Start of MATERIAL FOR THIS EXERCISE

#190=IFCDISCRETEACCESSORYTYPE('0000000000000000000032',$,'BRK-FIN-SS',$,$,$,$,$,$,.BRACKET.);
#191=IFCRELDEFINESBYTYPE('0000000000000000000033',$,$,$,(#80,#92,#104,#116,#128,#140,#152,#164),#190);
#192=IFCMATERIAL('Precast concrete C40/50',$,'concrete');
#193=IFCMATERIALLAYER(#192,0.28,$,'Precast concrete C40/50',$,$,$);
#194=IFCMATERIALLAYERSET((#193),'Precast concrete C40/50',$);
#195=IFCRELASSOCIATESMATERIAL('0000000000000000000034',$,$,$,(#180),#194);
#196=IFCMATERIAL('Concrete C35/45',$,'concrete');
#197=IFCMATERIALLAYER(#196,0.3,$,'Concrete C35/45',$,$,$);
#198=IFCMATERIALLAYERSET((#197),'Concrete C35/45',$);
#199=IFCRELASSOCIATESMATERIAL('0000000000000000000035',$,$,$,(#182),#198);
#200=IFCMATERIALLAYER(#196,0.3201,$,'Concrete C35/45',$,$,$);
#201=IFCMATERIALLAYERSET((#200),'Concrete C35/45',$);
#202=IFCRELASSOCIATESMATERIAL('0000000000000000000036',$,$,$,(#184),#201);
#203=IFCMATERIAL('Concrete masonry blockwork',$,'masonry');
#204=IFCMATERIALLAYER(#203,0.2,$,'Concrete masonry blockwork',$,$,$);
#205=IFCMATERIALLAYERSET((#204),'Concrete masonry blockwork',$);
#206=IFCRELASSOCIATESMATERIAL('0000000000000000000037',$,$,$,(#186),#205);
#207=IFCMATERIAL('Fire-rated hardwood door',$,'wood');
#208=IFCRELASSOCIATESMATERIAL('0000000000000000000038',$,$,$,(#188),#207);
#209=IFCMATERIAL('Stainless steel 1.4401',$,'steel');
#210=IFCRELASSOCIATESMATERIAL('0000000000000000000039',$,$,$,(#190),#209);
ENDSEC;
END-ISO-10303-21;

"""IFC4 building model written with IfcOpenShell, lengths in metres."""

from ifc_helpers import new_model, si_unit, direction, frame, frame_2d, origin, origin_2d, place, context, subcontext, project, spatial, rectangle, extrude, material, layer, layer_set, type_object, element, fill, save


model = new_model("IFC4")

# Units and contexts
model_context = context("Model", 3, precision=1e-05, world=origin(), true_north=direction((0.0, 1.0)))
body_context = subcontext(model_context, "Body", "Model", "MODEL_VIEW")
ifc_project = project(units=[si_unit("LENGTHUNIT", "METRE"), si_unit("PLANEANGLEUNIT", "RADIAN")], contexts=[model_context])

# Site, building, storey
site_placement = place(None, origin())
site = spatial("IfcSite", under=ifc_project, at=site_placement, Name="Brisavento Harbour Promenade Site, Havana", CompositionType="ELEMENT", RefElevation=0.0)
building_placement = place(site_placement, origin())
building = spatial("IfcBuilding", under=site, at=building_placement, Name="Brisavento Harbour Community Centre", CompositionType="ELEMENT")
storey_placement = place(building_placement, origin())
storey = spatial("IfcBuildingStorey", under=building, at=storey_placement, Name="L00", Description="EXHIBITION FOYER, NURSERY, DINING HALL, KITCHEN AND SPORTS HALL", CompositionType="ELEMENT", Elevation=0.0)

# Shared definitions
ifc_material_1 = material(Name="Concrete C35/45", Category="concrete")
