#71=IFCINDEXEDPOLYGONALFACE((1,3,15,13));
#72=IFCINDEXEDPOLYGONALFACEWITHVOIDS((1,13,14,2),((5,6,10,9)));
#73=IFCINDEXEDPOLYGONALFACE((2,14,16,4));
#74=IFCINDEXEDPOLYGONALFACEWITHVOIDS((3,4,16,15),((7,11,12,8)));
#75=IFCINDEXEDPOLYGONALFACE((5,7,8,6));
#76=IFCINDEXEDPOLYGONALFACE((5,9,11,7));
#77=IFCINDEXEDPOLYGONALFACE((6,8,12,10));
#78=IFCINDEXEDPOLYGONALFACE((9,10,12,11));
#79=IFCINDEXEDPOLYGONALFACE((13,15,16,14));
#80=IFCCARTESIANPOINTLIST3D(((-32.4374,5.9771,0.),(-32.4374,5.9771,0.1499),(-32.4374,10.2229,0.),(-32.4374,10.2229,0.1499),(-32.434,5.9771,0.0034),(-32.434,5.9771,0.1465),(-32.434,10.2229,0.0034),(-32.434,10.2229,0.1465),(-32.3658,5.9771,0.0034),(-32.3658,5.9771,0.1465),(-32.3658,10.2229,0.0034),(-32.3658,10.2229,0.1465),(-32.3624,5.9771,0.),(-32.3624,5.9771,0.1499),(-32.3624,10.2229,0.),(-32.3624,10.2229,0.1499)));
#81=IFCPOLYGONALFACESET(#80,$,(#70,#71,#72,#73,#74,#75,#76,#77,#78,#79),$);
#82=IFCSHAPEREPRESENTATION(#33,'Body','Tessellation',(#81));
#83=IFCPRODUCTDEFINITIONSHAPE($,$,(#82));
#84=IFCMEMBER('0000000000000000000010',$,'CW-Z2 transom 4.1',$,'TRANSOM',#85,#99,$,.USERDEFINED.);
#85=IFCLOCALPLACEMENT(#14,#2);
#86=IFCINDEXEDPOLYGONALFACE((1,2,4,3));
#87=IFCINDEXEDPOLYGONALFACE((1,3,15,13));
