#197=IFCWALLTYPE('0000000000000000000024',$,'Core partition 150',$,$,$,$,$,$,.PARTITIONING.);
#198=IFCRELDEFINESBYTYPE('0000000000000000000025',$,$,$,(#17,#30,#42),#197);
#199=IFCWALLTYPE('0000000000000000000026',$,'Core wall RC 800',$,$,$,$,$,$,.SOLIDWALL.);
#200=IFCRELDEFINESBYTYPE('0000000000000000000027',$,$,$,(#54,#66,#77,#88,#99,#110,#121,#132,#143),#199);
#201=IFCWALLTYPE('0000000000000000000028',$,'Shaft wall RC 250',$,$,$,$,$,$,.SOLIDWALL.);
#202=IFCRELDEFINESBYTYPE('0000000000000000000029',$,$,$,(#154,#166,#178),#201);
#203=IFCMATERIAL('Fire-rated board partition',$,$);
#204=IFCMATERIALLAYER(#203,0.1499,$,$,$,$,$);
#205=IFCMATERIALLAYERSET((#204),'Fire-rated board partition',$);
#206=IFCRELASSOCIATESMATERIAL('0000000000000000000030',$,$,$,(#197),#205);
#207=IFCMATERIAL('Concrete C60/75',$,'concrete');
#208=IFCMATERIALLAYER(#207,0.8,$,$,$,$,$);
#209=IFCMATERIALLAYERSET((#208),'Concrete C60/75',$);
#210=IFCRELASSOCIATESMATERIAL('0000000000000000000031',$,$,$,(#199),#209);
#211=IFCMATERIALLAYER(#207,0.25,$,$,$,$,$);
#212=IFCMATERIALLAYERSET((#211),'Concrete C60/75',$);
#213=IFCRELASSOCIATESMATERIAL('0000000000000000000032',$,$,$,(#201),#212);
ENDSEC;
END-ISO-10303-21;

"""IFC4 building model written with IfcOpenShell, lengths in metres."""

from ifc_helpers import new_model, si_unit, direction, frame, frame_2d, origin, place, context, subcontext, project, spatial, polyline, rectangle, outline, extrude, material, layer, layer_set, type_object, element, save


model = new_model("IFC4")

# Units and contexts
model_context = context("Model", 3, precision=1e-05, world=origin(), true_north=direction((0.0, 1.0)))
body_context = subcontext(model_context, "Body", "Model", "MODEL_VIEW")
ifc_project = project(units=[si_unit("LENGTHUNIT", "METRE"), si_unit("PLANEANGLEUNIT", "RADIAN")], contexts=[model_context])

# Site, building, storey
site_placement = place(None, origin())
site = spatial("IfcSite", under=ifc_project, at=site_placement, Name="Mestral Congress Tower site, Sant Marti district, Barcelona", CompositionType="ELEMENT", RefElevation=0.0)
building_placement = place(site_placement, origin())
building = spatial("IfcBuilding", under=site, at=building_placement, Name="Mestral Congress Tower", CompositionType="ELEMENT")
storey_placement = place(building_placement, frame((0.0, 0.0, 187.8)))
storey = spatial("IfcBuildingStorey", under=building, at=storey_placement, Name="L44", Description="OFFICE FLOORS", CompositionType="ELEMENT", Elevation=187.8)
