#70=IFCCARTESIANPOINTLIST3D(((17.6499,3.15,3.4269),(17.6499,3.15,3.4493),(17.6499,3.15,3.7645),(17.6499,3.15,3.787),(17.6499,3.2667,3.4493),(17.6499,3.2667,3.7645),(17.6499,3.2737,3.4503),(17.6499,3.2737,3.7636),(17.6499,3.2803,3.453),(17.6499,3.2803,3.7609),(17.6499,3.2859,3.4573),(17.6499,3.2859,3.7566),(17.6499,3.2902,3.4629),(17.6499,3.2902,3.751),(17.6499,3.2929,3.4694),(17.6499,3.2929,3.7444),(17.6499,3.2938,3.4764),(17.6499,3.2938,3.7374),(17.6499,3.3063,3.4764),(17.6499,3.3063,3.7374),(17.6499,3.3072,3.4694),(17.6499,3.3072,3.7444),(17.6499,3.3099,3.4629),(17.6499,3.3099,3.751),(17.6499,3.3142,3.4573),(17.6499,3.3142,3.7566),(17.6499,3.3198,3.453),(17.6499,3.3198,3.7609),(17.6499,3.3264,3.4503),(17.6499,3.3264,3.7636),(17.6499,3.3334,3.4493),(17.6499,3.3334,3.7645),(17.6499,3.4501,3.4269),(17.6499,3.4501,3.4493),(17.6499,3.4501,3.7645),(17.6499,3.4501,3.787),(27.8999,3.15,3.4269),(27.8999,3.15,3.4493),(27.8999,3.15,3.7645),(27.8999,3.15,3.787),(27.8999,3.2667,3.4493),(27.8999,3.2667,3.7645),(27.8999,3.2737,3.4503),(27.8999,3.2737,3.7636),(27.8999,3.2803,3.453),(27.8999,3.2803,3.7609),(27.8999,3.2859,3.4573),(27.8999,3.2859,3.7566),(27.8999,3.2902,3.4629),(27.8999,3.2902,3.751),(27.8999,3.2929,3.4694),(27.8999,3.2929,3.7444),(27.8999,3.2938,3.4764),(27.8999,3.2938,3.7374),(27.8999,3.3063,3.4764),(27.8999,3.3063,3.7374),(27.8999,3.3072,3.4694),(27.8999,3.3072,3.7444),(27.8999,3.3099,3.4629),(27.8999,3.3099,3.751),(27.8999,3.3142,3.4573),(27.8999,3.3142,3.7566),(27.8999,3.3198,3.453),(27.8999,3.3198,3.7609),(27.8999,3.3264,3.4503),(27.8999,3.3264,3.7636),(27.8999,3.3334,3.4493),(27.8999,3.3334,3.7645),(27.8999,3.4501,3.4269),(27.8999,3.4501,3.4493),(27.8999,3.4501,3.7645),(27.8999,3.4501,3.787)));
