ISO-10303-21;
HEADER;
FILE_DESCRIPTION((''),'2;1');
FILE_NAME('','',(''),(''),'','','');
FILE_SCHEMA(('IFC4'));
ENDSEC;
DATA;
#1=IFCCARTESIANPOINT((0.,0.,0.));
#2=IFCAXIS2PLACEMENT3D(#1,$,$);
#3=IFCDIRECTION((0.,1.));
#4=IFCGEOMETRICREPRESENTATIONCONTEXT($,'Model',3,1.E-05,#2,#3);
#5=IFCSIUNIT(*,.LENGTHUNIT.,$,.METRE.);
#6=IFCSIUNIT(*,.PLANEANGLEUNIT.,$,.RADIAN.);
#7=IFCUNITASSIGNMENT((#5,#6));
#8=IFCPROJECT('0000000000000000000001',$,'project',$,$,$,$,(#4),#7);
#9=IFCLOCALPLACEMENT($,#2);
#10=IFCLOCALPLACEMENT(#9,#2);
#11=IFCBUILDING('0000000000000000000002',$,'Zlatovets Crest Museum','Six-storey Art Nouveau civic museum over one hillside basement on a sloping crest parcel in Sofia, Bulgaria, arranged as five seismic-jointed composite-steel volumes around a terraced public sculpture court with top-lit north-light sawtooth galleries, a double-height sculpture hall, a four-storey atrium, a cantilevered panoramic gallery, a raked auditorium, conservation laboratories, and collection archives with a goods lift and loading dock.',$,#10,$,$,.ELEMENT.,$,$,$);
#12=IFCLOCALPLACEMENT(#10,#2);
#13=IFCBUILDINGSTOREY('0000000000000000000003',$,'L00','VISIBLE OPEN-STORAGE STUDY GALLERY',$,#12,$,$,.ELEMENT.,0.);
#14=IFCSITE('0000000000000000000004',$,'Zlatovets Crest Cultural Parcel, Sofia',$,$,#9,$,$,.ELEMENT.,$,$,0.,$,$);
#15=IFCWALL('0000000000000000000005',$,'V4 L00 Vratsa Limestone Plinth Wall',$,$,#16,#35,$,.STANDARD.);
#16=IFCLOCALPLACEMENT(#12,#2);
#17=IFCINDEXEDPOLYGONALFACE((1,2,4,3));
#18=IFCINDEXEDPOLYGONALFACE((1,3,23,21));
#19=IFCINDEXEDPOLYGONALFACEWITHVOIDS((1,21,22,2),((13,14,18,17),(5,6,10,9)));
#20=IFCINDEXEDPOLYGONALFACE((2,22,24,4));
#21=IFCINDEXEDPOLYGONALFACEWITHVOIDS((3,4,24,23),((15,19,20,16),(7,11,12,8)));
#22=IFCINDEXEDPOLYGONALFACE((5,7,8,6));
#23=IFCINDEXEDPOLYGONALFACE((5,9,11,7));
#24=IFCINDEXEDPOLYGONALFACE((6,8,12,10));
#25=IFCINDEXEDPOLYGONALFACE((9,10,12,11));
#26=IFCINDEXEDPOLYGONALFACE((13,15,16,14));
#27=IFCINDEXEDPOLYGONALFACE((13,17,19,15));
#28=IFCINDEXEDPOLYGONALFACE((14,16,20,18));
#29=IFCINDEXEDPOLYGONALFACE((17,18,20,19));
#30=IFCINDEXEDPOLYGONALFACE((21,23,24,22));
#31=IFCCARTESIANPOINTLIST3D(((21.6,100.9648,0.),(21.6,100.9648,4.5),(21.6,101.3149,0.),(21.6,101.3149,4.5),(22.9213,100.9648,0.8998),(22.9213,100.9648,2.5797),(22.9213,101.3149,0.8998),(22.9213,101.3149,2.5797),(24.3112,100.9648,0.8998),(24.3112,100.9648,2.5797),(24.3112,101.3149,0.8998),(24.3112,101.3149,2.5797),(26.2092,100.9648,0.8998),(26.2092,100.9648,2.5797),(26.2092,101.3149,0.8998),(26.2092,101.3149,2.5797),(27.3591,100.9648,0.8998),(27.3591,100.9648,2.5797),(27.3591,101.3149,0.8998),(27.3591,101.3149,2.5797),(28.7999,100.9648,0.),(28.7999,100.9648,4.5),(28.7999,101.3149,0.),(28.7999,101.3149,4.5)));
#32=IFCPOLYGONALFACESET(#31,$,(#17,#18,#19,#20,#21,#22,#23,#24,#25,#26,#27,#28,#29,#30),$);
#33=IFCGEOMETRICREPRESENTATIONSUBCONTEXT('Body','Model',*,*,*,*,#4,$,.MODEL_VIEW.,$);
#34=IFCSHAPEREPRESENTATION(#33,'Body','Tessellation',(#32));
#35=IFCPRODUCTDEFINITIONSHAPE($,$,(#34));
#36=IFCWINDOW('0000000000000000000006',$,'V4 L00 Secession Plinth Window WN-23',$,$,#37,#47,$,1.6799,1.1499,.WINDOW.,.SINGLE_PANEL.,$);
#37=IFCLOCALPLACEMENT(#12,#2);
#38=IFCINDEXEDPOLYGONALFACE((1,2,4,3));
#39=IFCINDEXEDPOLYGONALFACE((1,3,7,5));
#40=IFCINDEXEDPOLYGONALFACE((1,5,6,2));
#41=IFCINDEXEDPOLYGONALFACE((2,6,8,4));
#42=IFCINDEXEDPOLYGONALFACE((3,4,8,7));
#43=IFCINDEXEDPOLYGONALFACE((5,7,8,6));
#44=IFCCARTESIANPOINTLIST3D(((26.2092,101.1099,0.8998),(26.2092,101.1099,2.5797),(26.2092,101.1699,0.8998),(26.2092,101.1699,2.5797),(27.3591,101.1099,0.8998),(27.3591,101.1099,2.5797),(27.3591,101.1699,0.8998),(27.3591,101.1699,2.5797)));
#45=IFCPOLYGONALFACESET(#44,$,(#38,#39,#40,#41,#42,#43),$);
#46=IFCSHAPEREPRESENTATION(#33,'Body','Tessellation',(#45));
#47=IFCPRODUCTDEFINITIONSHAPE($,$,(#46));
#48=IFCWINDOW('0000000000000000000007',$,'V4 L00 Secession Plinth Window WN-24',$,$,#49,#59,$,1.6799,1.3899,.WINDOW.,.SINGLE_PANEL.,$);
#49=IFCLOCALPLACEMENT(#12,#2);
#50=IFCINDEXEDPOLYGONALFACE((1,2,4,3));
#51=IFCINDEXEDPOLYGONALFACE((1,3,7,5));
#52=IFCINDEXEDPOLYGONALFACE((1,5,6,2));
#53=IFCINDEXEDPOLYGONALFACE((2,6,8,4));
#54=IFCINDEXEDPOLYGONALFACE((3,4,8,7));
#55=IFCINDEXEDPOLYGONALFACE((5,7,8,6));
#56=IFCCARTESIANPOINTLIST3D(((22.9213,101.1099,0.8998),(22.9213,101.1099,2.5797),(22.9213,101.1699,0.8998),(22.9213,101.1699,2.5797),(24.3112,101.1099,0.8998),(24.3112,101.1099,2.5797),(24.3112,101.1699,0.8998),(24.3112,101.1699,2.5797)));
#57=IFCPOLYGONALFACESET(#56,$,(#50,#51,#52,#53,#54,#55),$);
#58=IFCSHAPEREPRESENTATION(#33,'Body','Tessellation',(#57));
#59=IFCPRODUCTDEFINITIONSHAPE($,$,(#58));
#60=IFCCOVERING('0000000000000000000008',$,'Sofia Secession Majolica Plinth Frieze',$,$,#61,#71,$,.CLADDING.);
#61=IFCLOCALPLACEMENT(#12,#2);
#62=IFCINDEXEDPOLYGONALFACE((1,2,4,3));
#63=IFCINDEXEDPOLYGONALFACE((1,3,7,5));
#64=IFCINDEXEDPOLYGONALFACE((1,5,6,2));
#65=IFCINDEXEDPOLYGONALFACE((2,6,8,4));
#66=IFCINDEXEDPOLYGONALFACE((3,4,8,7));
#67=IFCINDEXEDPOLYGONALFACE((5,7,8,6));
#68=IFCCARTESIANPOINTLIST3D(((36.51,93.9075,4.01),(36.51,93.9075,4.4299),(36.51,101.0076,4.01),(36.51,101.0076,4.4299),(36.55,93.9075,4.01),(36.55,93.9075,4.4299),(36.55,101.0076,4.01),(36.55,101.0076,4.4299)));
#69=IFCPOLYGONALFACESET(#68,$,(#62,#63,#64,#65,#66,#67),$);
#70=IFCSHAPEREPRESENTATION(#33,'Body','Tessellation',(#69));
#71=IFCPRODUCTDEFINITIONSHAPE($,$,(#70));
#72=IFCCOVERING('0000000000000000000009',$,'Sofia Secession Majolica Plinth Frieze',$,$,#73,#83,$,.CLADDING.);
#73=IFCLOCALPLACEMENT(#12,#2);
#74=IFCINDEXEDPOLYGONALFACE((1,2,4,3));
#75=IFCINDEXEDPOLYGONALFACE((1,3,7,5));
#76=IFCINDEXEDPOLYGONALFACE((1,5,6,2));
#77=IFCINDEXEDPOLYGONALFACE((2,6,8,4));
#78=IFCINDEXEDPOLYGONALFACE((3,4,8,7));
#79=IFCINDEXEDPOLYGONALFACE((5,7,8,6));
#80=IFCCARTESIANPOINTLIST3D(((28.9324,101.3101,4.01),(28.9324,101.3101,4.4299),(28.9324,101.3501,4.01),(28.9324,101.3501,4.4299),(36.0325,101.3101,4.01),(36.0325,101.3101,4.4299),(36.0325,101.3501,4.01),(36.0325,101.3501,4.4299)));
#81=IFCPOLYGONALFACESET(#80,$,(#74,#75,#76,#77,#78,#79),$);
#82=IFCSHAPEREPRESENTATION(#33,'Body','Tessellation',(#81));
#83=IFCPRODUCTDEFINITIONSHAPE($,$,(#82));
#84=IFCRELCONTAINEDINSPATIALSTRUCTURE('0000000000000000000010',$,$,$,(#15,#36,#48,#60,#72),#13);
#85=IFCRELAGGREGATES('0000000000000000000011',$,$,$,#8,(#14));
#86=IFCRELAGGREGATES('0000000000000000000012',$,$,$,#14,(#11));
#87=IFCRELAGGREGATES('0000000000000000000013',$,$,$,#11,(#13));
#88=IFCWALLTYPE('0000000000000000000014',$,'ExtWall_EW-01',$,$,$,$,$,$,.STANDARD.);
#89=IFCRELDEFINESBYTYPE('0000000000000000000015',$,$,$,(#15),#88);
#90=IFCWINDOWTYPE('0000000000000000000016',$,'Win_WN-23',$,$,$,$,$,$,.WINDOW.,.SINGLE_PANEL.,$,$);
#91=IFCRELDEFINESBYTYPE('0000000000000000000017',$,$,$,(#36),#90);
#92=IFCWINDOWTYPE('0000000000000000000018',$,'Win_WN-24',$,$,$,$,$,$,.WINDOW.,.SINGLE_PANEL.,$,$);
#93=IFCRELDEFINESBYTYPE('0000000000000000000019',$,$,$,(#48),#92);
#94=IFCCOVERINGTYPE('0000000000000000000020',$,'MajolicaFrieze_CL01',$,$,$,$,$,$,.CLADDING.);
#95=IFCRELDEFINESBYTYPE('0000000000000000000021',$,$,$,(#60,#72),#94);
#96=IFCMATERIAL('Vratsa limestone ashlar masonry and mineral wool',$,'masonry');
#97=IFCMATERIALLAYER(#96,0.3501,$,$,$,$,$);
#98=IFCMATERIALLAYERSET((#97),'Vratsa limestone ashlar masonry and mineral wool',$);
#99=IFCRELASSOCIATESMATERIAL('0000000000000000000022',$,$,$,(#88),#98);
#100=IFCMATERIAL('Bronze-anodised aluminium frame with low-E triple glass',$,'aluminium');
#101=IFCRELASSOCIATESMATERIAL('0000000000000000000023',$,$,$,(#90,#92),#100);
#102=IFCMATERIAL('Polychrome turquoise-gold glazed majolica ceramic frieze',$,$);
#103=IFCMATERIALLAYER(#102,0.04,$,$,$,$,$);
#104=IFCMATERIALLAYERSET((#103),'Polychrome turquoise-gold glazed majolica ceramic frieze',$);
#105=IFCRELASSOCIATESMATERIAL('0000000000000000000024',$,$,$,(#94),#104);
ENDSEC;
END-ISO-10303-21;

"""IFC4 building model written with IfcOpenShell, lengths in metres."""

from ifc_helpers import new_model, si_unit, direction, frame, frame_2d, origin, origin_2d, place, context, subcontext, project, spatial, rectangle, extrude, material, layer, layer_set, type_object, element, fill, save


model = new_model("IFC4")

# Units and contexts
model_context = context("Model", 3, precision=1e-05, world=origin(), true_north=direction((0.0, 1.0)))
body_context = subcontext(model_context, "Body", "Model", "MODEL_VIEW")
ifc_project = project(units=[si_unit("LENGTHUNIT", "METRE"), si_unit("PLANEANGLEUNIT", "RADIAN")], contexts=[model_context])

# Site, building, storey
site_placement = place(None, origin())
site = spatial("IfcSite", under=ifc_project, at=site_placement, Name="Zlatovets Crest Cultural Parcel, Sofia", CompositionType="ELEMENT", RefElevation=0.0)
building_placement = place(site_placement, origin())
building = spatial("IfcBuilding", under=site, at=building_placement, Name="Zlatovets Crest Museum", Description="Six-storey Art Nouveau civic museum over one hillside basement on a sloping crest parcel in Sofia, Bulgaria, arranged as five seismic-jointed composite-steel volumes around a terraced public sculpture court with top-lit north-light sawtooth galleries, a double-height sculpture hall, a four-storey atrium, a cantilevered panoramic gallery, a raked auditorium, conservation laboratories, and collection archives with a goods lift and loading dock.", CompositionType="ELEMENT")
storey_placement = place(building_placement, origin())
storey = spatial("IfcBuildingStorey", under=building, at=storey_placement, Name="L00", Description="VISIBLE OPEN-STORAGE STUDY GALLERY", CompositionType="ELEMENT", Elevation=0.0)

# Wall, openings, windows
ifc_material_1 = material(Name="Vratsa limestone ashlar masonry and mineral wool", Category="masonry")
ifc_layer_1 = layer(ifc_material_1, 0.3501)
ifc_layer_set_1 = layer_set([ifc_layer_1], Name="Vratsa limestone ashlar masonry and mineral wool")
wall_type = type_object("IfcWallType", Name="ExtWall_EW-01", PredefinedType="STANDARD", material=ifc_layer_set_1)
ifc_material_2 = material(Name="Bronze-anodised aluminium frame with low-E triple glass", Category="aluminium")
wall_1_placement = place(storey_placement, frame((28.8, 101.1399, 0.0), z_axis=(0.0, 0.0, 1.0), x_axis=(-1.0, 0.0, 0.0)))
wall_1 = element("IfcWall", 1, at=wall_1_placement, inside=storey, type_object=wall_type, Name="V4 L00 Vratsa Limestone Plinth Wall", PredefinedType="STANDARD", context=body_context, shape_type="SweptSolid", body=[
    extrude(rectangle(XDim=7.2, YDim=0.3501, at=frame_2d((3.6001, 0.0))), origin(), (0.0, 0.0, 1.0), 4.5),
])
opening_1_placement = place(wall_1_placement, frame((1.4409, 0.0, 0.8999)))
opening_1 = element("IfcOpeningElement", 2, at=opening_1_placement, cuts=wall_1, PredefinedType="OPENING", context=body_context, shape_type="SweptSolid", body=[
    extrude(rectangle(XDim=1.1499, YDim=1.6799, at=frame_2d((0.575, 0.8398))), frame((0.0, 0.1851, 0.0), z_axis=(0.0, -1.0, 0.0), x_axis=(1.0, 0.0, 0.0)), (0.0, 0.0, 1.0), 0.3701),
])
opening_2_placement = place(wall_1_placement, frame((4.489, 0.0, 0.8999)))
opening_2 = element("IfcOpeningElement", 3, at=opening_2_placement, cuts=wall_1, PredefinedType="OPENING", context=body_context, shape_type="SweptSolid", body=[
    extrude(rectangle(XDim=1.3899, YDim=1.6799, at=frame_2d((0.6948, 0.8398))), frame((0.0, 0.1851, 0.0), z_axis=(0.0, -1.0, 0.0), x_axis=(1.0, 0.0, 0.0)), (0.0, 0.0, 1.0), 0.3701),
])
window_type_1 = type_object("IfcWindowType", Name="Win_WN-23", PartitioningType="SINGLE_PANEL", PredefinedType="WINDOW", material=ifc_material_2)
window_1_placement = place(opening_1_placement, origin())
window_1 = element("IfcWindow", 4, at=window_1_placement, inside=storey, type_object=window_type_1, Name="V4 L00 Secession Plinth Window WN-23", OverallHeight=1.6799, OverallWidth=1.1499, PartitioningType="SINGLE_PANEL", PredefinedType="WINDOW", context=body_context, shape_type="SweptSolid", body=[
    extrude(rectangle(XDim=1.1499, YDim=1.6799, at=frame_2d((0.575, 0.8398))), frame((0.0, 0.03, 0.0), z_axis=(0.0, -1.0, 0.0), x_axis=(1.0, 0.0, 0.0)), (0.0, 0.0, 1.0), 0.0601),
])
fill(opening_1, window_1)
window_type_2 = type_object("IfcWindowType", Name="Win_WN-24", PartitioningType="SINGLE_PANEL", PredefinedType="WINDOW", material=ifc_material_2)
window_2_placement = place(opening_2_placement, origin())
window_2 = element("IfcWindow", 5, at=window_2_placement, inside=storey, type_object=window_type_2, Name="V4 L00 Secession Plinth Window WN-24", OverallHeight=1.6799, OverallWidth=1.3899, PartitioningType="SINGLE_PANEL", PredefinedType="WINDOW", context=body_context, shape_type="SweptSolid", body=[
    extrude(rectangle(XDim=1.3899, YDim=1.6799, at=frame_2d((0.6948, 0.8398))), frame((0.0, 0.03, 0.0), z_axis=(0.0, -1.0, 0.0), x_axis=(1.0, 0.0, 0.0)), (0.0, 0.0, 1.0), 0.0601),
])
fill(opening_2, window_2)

End of MATERIAL FOR THIS EXERCISE

▶ TASK:
The response should consist of the number of lines in the data that hold the word "IFCLOCALPLACEMENT", with nothing added.

▶ ANSWER TO THIS TASK:
9